━━━━━ Working data
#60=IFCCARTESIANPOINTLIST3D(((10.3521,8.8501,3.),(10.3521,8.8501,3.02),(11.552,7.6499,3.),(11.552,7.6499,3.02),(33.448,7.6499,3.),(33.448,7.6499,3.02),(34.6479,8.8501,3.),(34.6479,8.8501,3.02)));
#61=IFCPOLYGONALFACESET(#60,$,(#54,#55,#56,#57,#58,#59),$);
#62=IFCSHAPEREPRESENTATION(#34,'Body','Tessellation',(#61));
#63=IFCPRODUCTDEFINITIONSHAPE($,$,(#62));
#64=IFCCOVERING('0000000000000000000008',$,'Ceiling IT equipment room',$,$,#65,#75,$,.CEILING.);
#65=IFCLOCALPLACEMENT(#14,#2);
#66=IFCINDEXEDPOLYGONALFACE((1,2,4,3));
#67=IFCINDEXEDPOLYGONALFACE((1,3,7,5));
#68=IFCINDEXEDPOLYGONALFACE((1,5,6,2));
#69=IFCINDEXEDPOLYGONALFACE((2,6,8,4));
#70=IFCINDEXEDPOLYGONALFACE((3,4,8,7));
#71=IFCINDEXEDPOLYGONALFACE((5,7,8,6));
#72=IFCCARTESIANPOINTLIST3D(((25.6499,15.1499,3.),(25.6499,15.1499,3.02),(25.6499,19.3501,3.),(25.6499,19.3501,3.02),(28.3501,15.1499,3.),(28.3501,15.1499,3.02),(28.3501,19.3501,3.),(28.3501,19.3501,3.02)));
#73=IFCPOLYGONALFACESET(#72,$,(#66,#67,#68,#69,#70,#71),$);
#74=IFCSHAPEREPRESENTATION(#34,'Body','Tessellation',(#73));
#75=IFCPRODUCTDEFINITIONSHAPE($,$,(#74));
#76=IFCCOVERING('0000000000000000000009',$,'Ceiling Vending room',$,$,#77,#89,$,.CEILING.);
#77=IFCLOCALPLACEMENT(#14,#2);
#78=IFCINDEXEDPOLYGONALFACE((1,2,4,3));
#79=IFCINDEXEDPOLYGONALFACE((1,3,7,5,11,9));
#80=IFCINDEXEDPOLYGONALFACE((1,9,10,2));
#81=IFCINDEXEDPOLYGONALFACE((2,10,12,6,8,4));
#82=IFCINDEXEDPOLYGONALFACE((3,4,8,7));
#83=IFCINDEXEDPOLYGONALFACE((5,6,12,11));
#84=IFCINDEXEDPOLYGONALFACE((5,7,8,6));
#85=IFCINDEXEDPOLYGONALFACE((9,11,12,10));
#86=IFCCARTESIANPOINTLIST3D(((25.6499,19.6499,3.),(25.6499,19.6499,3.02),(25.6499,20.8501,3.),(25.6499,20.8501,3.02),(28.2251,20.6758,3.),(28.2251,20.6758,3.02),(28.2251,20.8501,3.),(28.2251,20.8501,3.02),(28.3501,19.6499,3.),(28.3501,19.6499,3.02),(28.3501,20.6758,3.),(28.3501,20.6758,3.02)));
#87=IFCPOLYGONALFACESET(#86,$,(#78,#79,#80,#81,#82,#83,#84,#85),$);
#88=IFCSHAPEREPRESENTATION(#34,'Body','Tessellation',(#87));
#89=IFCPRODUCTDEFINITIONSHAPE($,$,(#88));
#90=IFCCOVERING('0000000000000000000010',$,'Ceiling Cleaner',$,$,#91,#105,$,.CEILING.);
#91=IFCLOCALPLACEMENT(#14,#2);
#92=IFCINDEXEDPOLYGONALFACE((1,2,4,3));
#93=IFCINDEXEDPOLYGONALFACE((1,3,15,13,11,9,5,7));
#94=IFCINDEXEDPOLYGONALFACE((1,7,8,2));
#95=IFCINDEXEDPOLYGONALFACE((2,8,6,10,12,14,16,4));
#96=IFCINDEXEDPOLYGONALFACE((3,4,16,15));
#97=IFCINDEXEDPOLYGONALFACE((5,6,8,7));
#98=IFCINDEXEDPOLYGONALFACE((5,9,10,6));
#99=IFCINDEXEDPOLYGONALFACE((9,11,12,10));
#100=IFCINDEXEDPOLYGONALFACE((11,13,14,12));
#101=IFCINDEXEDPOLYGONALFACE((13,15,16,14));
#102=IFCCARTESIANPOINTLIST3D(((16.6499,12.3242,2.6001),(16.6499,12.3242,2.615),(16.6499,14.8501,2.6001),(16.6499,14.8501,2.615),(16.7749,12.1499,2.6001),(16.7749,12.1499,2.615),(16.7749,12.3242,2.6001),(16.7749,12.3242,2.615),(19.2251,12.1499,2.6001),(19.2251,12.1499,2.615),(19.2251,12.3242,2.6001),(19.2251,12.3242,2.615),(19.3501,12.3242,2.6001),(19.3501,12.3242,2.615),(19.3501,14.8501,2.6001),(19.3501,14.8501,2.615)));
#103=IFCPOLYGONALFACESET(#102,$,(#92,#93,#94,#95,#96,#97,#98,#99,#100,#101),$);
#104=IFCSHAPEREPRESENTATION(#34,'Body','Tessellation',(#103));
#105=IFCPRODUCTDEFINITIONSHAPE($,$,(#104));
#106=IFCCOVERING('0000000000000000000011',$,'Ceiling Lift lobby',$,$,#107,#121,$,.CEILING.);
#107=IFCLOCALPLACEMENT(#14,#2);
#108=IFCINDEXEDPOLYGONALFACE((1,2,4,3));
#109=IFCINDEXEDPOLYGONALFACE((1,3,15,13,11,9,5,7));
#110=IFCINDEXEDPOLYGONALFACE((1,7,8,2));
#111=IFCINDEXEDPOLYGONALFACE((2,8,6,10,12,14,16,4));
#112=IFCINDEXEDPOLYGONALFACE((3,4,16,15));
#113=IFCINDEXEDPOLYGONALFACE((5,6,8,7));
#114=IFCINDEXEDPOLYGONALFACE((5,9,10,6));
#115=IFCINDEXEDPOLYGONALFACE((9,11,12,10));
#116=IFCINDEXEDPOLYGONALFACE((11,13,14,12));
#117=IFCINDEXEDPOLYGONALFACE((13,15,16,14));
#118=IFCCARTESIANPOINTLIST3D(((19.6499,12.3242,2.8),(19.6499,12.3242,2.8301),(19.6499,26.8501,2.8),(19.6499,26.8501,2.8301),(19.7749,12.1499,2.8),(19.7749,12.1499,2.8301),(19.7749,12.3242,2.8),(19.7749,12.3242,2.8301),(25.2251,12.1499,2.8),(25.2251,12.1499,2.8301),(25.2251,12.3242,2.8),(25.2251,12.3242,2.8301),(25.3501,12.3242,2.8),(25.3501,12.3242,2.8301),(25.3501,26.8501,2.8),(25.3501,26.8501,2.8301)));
━━━━━━━━━━
● Exercise aim: Copy every line of the data that carries the word "Ceiling".

● Output:
#64=IFCCOVERING('0000000000000000000008',$,'Ceiling IT equipment room',$,$,#65,#75,$,.CEILING.);
#76=IFCCOVERING('0000000000000000000009',$,'Ceiling Vending room',$,$,#77,#89,$,.CEILING.);
#90=IFCCOVERING('0000000000000000000010',$,'Ceiling Cleaner',$,$,#91,#105,$,.CEILING.);
#106=IFCCOVERING('0000000000000000000011',$,'Ceiling Lift lobby',$,$,#107,#121,$,.CEILING.);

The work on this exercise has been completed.